__The problem__.
Below are some records. Return exactly the lines from the one containing "#62=IFCSHAPEREPRESENTATION(#61,'Body','Tessellation',(#60));" through the one containing "#86=IFCINDEXEDPOLYGONALFACE((33,34,36,35));", both included, and only those.
+-------+
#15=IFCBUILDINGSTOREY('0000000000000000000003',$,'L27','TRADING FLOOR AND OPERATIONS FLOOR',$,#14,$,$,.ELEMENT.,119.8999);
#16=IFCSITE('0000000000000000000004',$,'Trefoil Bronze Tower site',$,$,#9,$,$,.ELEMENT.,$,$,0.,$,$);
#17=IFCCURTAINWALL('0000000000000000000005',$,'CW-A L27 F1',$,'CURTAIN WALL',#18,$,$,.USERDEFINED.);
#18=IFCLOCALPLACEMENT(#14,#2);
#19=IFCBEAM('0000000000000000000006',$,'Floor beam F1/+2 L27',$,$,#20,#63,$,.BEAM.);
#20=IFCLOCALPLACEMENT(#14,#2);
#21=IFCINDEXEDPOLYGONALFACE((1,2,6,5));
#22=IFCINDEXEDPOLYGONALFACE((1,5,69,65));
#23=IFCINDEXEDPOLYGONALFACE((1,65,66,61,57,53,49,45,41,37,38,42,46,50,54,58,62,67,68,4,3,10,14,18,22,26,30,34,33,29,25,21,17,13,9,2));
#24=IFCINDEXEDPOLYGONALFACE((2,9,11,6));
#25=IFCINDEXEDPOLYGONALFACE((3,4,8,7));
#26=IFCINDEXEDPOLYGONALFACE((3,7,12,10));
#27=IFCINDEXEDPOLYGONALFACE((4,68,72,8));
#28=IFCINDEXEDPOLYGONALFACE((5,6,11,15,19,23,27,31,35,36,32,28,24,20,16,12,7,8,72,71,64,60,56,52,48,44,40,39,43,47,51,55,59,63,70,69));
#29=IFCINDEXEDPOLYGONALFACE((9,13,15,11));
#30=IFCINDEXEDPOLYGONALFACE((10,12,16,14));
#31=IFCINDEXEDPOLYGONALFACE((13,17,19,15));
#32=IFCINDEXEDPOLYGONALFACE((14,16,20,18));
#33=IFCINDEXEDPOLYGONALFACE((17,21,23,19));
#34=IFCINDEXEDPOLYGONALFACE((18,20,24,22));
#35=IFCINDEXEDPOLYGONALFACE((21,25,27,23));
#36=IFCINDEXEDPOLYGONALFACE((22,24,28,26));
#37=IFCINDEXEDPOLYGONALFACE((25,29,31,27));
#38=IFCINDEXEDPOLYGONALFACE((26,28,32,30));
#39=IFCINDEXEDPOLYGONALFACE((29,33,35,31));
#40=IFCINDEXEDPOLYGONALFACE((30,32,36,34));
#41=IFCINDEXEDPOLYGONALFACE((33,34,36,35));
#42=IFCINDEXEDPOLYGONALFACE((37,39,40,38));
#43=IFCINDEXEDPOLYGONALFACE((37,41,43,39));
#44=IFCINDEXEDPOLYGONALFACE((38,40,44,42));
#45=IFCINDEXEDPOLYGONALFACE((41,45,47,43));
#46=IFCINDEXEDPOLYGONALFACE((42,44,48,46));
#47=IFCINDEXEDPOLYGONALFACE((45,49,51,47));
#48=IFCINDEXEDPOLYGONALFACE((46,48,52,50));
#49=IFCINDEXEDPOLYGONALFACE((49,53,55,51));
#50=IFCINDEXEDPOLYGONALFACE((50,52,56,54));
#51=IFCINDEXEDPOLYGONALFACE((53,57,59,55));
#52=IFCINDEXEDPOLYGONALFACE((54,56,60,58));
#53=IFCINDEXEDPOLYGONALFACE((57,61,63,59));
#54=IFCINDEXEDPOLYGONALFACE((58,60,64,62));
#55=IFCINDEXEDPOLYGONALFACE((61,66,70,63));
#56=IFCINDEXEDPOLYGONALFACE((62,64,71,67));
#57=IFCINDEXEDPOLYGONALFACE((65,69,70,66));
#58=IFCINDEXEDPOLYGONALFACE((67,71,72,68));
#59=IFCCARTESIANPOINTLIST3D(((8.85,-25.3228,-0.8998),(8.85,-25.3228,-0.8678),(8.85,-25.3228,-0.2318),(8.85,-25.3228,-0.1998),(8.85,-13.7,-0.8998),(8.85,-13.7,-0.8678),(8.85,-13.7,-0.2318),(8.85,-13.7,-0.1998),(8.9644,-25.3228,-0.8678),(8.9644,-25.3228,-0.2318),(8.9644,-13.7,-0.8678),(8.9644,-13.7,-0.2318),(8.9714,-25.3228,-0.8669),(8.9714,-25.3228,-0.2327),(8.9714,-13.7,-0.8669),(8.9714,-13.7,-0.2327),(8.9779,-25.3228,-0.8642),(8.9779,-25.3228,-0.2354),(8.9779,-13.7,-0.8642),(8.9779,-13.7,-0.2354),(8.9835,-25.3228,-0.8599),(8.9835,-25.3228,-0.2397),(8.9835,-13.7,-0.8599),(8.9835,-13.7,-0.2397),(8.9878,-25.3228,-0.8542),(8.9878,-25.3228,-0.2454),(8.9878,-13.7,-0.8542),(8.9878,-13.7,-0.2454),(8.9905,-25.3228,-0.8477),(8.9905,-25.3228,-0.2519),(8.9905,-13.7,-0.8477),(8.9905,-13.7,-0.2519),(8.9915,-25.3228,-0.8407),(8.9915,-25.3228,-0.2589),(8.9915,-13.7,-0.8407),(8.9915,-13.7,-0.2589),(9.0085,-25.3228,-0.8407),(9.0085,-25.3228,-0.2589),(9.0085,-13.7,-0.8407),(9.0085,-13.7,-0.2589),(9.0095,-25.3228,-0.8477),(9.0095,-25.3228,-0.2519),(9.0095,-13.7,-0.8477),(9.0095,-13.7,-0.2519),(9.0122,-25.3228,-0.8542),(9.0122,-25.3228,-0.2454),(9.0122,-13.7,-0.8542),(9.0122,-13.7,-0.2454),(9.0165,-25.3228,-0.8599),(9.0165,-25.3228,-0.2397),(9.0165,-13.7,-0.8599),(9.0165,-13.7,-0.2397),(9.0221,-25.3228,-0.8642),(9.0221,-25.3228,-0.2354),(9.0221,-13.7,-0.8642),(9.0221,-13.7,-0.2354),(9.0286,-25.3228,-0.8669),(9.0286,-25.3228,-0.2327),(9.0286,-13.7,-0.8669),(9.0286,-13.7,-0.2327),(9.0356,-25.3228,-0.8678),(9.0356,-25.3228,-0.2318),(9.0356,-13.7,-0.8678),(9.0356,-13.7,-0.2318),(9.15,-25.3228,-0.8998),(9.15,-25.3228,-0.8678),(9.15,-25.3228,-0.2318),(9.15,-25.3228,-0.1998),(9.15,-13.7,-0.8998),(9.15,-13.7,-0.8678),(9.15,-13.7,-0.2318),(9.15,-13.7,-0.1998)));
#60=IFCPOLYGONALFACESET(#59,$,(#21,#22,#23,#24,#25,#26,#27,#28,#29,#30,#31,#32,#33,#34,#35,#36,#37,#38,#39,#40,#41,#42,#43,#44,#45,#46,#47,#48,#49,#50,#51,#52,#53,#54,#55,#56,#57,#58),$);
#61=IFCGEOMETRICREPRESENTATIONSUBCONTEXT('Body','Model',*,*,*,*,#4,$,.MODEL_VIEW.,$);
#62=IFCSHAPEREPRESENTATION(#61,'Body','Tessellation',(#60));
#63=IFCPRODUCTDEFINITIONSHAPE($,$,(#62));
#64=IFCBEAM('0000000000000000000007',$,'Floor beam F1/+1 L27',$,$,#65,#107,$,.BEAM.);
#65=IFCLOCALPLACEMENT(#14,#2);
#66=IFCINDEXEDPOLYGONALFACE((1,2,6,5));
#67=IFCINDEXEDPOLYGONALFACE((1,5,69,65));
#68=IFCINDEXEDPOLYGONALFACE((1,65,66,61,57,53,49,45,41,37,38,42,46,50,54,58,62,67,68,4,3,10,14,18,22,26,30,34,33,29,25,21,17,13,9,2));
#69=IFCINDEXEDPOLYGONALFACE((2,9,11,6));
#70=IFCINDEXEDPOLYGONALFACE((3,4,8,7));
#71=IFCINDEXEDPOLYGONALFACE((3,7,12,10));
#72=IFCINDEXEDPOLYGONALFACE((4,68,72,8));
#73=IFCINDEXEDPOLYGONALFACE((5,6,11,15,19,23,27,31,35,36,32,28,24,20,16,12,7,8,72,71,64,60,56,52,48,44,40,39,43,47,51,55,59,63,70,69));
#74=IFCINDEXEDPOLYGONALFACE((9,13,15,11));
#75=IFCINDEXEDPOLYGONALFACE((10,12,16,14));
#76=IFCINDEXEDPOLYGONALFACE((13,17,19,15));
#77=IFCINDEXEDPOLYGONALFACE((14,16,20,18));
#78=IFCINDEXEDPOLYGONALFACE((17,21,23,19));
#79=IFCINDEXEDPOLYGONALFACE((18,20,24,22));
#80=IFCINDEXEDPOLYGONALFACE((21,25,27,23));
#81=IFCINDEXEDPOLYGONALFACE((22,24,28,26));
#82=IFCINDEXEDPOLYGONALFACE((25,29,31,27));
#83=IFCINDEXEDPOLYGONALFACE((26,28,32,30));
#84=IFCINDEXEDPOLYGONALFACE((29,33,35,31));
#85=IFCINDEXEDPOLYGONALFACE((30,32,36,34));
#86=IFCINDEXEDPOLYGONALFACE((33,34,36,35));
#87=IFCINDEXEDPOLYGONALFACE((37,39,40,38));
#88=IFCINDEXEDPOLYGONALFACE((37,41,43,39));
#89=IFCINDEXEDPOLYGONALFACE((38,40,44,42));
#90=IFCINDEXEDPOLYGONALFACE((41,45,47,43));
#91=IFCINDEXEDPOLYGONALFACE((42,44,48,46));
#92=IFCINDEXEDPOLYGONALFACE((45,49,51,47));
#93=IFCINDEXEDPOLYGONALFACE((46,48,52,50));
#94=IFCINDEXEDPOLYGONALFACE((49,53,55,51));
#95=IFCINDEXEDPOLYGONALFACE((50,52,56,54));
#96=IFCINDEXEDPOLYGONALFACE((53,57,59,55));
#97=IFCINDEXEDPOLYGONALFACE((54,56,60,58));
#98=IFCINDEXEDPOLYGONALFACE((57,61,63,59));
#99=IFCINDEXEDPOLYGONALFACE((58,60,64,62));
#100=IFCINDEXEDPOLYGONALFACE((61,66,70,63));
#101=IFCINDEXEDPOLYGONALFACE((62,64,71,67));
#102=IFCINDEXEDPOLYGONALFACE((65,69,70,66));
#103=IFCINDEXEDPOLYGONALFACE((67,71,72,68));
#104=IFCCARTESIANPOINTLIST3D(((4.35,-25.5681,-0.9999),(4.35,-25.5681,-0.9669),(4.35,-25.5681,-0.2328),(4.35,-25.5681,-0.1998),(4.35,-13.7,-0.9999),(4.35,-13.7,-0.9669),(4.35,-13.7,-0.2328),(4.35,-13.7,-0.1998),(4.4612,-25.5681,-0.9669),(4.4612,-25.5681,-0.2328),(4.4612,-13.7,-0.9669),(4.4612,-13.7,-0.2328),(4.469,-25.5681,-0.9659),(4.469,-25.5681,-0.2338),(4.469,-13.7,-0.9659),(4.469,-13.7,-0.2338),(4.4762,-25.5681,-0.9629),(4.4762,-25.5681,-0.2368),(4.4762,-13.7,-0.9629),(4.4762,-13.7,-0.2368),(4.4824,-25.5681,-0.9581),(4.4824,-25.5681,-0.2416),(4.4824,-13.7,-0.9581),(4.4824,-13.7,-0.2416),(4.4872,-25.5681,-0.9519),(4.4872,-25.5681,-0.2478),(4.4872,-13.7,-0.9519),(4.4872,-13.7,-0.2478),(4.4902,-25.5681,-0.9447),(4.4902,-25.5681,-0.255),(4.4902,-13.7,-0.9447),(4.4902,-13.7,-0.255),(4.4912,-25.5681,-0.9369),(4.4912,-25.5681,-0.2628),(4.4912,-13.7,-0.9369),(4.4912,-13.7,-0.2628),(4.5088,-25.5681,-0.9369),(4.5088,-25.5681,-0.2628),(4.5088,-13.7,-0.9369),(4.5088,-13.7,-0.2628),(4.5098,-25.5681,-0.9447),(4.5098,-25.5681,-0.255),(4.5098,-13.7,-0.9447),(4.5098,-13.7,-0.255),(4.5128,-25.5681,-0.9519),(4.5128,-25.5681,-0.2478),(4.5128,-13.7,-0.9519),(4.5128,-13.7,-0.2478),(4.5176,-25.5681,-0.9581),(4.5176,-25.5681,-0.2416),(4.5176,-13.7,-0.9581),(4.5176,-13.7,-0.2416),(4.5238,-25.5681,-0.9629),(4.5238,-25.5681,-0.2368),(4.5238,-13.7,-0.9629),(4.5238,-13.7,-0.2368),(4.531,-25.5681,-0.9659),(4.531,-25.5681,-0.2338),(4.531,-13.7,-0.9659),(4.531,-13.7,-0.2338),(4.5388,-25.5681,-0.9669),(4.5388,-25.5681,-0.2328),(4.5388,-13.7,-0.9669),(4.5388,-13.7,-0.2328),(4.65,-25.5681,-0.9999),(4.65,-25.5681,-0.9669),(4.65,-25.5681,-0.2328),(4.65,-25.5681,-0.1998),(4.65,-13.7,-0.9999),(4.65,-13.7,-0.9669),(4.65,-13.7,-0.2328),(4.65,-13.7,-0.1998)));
+-------+
__Answer space__.
#62=IFCSHAPEREPRESENTATION(#61,'Body','Tessellation',(#60));
#63=IFCPRODUCTDEFINITIONSHAPE($,$,(#62));
#64=IFCBEAM('0000000000000000000007',$,'Floor beam F1/+1 L27',$,$,#65,#107,$,.BEAM.);
#65=IFCLOCALPLACEMENT(#14,#2);
#66=IFCINDEXEDPOLYGONALFACE((1,2,6,5));
#67=IFCINDEXEDPOLYGONALFACE((1,5,69,65));
#68=IFCINDEXEDPOLYGONALFACE((1,65,66,61,57,53,49,45,41,37,38,42,46,50,54,58,62,67,68,4,3,10,14,18,22,26,30,34,33,29,25,21,17,13,9,2));
#69=IFCINDEXEDPOLYGONALFACE((2,9,11,6));
#70=IFCINDEXEDPOLYGONALFACE((3,4,8,7));
#71=IFCINDEXEDPOLYGONALFACE((3,7,12,10));
#72=IFCINDEXEDPOLYGONALFACE((4,68,72,8));
#73=IFCINDEXEDPOLYGONALFACE((5,6,11,15,19,23,27,31,35,36,32,28,24,20,16,12,7,8,72,71,64,60,56,52,48,44,40,39,43,47,51,55,59,63,70,69));
#74=IFCINDEXEDPOLYGONALFACE((9,13,15,11));
#75=IFCINDEXEDPOLYGONALFACE((10,12,16,14));
#76=IFCINDEXEDPOLYGONALFACE((13,17,19,15));
#77=IFCINDEXEDPOLYGONALFACE((14,16,20,18));
#78=IFCINDEXEDPOLYGONALFACE((17,21,23,19));
#79=IFCINDEXEDPOLYGONALFACE((18,20,24,22));
#80=IFCINDEXEDPOLYGONALFACE((21,25,27,23));
#81=IFCINDEXEDPOLYGONALFACE((22,24,28,26));
#82=IFCINDEXEDPOLYGONALFACE((25,29,31,27));
#83=IFCINDEXEDPOLYGONALFACE((26,28,32,30));
#84=IFCINDEXEDPOLYGONALFACE((29,33,35,31));
#85=IFCINDEXEDPOLYGONALFACE((30,32,36,34));
#86=IFCINDEXEDPOLYGONALFACE((33,34,36,35));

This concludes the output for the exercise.